## Brief
Give back, word for word, the lines in the listing below from the one holding "#132=IFCINDEXEDPOLYGONALFACE((3,4,8,7));" down to the one holding "#139=IFCRELAGGREGATES('0000000000000000000014',$,$,$,#8,(#16));", both ends included.

== Data shown

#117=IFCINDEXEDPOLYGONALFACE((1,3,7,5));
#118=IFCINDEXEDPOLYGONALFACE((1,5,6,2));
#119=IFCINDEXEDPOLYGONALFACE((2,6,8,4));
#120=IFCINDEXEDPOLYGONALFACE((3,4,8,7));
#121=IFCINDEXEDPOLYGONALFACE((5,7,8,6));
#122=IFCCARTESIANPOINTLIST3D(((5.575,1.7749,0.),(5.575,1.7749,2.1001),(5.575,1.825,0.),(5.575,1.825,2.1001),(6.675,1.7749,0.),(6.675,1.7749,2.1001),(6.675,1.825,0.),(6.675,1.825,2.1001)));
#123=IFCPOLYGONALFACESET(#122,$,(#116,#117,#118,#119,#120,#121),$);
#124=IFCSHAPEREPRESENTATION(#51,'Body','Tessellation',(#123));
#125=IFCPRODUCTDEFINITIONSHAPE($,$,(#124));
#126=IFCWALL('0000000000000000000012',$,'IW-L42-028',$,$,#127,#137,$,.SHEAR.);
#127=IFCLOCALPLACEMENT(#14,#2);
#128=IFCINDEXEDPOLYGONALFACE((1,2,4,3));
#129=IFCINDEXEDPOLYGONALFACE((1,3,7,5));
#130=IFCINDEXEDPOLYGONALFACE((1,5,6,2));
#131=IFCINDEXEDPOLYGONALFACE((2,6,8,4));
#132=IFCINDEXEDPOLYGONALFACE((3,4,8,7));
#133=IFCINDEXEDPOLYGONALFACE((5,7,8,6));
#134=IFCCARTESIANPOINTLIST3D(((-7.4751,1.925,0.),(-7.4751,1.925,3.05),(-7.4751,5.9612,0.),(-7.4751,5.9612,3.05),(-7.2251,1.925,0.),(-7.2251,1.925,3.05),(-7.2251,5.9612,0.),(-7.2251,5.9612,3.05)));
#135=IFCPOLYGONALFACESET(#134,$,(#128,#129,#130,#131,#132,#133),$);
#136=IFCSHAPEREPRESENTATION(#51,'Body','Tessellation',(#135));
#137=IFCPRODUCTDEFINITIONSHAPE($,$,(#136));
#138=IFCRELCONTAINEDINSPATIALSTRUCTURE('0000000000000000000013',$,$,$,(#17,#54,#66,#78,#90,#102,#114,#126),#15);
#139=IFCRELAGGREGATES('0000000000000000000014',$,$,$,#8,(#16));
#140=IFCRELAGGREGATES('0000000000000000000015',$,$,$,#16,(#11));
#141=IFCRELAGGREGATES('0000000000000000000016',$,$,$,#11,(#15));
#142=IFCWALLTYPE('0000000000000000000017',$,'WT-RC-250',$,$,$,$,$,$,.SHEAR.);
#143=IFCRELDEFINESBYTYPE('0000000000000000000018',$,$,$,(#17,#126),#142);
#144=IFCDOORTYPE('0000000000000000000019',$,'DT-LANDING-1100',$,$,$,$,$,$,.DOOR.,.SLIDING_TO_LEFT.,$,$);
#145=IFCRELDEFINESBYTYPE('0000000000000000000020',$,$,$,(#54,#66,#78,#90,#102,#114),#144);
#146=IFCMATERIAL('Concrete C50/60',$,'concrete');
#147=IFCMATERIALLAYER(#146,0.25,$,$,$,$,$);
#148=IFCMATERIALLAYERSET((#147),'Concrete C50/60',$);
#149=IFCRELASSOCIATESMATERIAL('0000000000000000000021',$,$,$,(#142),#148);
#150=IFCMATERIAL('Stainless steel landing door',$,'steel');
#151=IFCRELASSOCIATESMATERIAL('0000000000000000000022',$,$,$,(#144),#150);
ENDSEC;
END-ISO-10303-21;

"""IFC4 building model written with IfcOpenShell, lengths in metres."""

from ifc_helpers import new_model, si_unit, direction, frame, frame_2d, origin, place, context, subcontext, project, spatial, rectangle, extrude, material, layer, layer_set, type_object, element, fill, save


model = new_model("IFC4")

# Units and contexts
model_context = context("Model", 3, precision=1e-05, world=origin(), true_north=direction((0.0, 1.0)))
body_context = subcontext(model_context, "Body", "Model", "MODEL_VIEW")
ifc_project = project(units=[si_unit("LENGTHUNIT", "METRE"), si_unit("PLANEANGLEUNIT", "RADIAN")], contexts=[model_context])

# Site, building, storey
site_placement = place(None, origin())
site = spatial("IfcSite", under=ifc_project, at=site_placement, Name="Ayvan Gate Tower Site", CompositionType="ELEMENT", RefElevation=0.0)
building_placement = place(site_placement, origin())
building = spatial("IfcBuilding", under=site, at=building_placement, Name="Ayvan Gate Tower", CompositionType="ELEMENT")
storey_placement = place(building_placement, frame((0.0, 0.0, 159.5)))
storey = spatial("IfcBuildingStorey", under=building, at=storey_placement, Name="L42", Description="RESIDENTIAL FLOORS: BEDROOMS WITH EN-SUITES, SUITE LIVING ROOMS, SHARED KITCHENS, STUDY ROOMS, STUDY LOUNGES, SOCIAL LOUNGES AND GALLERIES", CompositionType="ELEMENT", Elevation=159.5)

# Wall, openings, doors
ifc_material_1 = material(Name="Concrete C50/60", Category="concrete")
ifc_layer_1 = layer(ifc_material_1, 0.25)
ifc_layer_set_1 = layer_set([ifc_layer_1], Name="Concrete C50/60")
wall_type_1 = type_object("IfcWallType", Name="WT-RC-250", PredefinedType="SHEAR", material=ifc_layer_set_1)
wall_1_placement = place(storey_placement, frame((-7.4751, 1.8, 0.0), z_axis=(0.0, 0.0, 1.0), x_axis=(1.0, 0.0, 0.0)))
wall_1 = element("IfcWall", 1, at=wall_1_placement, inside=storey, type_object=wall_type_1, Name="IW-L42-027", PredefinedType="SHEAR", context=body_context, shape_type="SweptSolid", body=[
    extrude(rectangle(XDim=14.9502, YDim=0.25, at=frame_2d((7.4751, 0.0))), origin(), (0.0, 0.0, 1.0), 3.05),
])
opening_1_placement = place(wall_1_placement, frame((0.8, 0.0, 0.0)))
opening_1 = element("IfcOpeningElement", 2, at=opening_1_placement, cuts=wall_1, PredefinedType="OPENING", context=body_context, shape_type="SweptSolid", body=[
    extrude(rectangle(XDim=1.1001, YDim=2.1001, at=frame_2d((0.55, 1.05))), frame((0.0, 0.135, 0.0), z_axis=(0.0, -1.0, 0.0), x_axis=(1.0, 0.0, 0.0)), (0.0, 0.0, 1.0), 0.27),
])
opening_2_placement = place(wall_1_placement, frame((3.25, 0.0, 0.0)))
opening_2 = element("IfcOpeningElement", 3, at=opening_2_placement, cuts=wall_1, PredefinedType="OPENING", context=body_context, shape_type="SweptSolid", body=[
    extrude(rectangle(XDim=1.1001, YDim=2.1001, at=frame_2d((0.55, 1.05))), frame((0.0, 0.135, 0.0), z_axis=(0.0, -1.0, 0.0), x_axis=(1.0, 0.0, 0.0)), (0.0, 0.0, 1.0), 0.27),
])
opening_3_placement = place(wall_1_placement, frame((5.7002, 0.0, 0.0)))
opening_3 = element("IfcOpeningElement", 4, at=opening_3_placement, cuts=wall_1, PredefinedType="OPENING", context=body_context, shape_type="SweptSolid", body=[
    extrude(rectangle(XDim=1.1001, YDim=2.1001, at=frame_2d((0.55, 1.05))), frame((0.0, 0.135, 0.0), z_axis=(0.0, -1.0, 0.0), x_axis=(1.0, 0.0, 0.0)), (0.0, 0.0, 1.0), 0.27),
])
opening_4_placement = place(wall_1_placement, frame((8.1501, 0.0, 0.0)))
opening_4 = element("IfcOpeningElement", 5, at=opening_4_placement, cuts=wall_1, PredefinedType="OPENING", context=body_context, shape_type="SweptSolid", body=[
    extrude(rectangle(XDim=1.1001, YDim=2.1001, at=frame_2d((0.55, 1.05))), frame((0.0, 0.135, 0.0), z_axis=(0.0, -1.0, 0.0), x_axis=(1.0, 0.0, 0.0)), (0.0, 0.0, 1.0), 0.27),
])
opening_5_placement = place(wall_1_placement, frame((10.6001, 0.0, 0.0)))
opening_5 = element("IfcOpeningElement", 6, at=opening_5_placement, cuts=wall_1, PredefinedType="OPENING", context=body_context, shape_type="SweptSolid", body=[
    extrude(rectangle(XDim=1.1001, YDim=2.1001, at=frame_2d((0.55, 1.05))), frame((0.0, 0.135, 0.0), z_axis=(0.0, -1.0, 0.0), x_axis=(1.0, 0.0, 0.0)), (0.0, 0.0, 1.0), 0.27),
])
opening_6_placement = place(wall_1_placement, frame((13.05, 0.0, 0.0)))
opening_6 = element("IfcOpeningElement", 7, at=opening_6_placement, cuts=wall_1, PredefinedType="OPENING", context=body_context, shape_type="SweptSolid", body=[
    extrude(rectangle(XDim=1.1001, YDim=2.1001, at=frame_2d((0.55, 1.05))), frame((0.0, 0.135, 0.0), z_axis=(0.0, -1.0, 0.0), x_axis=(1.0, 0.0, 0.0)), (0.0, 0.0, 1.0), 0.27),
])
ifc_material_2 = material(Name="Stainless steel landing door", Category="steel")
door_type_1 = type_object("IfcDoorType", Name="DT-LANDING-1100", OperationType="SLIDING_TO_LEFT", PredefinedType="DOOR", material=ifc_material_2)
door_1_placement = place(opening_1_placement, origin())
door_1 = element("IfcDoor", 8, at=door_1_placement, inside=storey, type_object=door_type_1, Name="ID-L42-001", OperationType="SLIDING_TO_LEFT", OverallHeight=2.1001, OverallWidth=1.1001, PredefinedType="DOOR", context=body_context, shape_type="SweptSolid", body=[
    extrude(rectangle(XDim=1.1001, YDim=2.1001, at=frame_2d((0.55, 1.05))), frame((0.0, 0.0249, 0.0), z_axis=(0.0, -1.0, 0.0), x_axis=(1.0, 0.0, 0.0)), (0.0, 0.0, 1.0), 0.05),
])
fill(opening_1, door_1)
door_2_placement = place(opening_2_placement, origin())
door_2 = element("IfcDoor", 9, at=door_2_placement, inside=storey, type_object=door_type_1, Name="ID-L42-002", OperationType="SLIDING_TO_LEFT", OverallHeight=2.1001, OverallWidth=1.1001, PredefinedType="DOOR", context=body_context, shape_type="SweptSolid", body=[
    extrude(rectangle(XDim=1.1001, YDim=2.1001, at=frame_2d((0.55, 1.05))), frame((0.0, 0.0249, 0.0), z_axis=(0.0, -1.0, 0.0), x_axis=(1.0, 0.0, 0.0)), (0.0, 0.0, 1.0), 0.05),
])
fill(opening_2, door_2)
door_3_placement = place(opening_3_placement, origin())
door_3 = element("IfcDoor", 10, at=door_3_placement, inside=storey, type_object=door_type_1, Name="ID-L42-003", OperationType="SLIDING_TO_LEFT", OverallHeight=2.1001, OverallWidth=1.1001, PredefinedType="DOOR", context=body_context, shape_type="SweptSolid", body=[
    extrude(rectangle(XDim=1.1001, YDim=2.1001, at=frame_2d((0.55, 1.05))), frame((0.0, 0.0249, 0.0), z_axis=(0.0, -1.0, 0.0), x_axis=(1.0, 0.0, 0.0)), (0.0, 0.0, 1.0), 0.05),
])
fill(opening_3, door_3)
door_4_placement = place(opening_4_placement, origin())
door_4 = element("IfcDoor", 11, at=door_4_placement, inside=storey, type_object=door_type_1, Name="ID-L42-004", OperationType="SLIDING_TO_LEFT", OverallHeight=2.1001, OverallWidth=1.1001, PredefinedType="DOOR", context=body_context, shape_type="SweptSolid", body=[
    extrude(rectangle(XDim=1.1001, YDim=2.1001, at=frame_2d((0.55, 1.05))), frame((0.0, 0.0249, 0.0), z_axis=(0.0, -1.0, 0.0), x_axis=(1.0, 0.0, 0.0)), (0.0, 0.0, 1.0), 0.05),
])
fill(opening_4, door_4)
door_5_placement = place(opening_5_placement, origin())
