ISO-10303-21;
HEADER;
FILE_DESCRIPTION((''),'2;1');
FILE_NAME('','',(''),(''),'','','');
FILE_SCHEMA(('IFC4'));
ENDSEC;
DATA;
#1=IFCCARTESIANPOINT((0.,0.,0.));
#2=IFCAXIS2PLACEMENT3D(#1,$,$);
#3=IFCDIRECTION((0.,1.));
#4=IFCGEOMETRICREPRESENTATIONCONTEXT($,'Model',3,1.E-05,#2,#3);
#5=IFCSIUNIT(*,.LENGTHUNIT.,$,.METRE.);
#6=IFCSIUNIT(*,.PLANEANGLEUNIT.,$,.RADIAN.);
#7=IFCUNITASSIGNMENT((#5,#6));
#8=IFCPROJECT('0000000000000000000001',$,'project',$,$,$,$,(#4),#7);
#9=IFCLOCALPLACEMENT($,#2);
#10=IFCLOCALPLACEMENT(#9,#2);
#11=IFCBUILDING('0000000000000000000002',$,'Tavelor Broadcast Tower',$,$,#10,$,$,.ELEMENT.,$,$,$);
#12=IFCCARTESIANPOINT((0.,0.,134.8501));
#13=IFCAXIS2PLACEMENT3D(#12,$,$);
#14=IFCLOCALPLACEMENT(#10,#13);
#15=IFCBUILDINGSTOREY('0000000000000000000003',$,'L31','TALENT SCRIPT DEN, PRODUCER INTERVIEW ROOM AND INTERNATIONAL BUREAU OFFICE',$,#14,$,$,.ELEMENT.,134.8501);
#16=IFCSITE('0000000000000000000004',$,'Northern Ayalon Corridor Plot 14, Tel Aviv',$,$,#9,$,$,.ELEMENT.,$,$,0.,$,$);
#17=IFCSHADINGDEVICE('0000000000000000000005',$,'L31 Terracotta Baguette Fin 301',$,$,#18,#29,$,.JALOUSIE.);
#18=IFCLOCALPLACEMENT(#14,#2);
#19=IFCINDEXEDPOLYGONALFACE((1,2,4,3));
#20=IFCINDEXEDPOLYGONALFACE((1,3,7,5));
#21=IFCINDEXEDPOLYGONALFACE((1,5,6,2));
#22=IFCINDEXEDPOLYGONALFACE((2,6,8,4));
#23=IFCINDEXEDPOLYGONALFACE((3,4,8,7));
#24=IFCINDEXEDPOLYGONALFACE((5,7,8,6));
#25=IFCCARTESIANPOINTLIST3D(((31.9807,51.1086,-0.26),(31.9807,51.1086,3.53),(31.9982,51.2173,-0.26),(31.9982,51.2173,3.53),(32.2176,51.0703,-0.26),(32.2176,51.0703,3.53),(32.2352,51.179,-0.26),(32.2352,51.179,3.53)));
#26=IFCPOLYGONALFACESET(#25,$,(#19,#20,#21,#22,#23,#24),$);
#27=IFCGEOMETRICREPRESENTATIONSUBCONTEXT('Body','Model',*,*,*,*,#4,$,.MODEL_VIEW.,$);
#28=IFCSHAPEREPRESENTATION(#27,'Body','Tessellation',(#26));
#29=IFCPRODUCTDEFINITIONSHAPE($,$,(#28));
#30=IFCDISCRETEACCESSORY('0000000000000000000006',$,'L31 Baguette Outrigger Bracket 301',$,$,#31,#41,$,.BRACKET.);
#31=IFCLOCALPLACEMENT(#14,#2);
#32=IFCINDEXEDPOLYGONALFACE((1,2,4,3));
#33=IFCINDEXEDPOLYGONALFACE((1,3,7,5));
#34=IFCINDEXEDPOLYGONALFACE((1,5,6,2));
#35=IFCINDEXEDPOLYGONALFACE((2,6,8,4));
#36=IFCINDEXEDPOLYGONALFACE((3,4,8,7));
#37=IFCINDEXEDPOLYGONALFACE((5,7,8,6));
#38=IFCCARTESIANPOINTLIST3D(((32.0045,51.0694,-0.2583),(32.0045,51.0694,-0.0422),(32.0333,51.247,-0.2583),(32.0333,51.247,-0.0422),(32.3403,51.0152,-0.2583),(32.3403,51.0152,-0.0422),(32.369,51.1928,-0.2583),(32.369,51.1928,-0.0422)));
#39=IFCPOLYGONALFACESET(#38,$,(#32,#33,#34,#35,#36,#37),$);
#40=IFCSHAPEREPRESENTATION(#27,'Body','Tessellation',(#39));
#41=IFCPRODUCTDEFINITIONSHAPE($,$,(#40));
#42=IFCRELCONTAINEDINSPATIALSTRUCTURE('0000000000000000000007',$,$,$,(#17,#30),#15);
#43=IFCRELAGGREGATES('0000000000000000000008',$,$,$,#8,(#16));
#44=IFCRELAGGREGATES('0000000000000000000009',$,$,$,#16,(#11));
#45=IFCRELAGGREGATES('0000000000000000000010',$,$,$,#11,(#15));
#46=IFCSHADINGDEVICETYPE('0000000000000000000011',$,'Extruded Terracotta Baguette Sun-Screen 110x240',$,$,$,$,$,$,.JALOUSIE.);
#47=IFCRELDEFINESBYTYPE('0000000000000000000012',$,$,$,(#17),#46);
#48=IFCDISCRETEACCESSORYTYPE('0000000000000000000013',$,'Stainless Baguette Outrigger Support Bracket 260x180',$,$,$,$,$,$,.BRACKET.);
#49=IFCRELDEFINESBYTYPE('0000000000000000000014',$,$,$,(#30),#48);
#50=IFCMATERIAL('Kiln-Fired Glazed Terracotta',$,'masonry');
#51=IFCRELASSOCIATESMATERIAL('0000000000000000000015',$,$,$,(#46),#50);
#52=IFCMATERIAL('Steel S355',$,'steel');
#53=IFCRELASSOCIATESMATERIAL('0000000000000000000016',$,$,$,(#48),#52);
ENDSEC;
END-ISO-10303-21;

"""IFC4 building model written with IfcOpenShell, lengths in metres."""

from ifc_helpers import new_model, si_unit, direction, frame, origin, origin_2d, place, context, subcontext, project, spatial, rectangle, extrude, source, transform, mapped, material, type_object, type_shapes, element, save


model = new_model("IFC4")

# Units and contexts
model_context = context("Model", 3, precision=1e-05, world=origin(), true_north=direction((0.0, 1.0)))
body_context = subcontext(model_context, "Body", "Model", "MODEL_VIEW")
ifc_project = project(units=[si_unit("LENGTHUNIT", "METRE"), si_unit("PLANEANGLEUNIT", "RADIAN")], contexts=[model_context])

# Site, building, storey
site_placement = place(None, origin())
site = spatial("IfcSite", under=ifc_project, at=site_placement, Name="Northern Ayalon Corridor Plot 14, Tel Aviv", CompositionType="ELEMENT", RefElevation=0.0)
building_placement = place(site_placement, origin())
building = spatial("IfcBuilding", under=site, at=building_placement, Name="Tavelor Broadcast Tower", CompositionType="ELEMENT")
storey_placement = place(building_placement, frame((0.0, 0.0, 134.8501)))
storey = spatial("IfcBuildingStorey", under=building, at=storey_placement, Name="L31", Description="TALENT SCRIPT DEN, PRODUCER INTERVIEW ROOM AND INTERNATIONAL BUREAU OFFICE", CompositionType="ELEMENT", Elevation=134.8501)

# Shared definitions
ifc_material_1 = material(Name="Steel S355", Category="steel")

# Shading device
ifc_material_2 = material(Name="Kiln-Fired Glazed Terracotta", Category="masonry")
shading_device_type = type_object("IfcShadingDeviceType", Name="Extruded Terracotta Baguette Sun-Screen 110x240", PredefinedType="JALOUSIE", material=ifc_material_2)
shared_shape_1 = source(origin(), body_context, "Body", "SweptSolid", [
    extrude(rectangle(XDim=0.1101, YDim=0.24, at=origin_2d()), origin(), (0.0, 0.0, 1.0), 3.79),
])
type_shapes(shading_device_type, [shared_shape_1])
shading_device_placement = place(storey_placement, frame((32.1079, 51.1438, -0.26), z_axis=(0.0, 0.0, 1.0), x_axis=(-0.159537, -0.987192, 0.0)))
element("IfcShadingDevice", 1, at=shading_device_placement, inside=storey, type_object=shading_device_type, Name="L31 Terracotta Baguette Fin 301", PredefinedType="JALOUSIE", context=body_context, shape_type="MappedRepresentation", body=[
    mapped(shared_shape_1, transform((0.0, 0.0, 0.0), scale=1.0)),
])

# Discrete accessory
discrete_accessory_type = type_object("IfcDiscreteAccessoryType", Name="Stainless Baguette Outrigger Support Bracket 260x180", PredefinedType="BRACKET", material=ifc_material_1)
shared_shape_2 = source(origin(), body_context, "Body", "SweptSolid", [
    extrude(rectangle(XDim=0.1799, YDim=0.3401, at=origin_2d()), origin(), (0.0, 0.0, 1.0), 0.2161),
])
type_shapes(discrete_accessory_type, [shared_shape_2])
discrete_accessory_placement = place(storey_placement, frame((32.1868, 51.1311, -0.2583), z_axis=(0.0, 0.0, 1.0), x_axis=(-0.159537, -0.987192, 0.0)))
element("IfcDiscreteAccessory", 2, at=discrete_accessory_placement, inside=storey, type_object=discrete_accessory_type, Name="L31 Baguette Outrigger Bracket 301", PredefinedType="BRACKET", context=body_context, shape_type="MappedRepresentation", body=[
    mapped(shared_shape_2, transform((0.0, 0.0, 0.0), scale=1.0)),
])

save(model, "model.ifc")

====

## Response to the exercise
#132=IFCINDEXEDPOLYGONALFACE((3,4,8,7));
#133=IFCINDEXEDPOLYGONALFACE((5,7,8,6));
#134=IFCCARTESIANPOINTLIST3D(((-7.4751,1.925,0.),(-7.4751,1.925,3.05),(-7.4751,5.9612,0.),(-7.4751,5.9612,3.05),(-7.2251,1.925,0.),(-7.2251,1.925,3.05),(-7.2251,5.9612,0.),(-7.2251,5.9612,3.05)));
#135=IFCPOLYGONALFACESET(#134,$,(#128,#129,#130,#131,#132,#133),$);
#136=IFCSHAPEREPRESENTATION(#51,'Body','Tessellation',(#135));
#137=IFCPRODUCTDEFINITIONSHAPE($,$,(#136));
#138=IFCRELCONTAINEDINSPATIALSTRUCTURE('0000000000000000000013',$,$,$,(#17,#54,#66,#78,#90,#102,#114,#126),#15);
#139=IFCRELAGGREGATES('0000000000000000000014',$,$,$,#8,(#16));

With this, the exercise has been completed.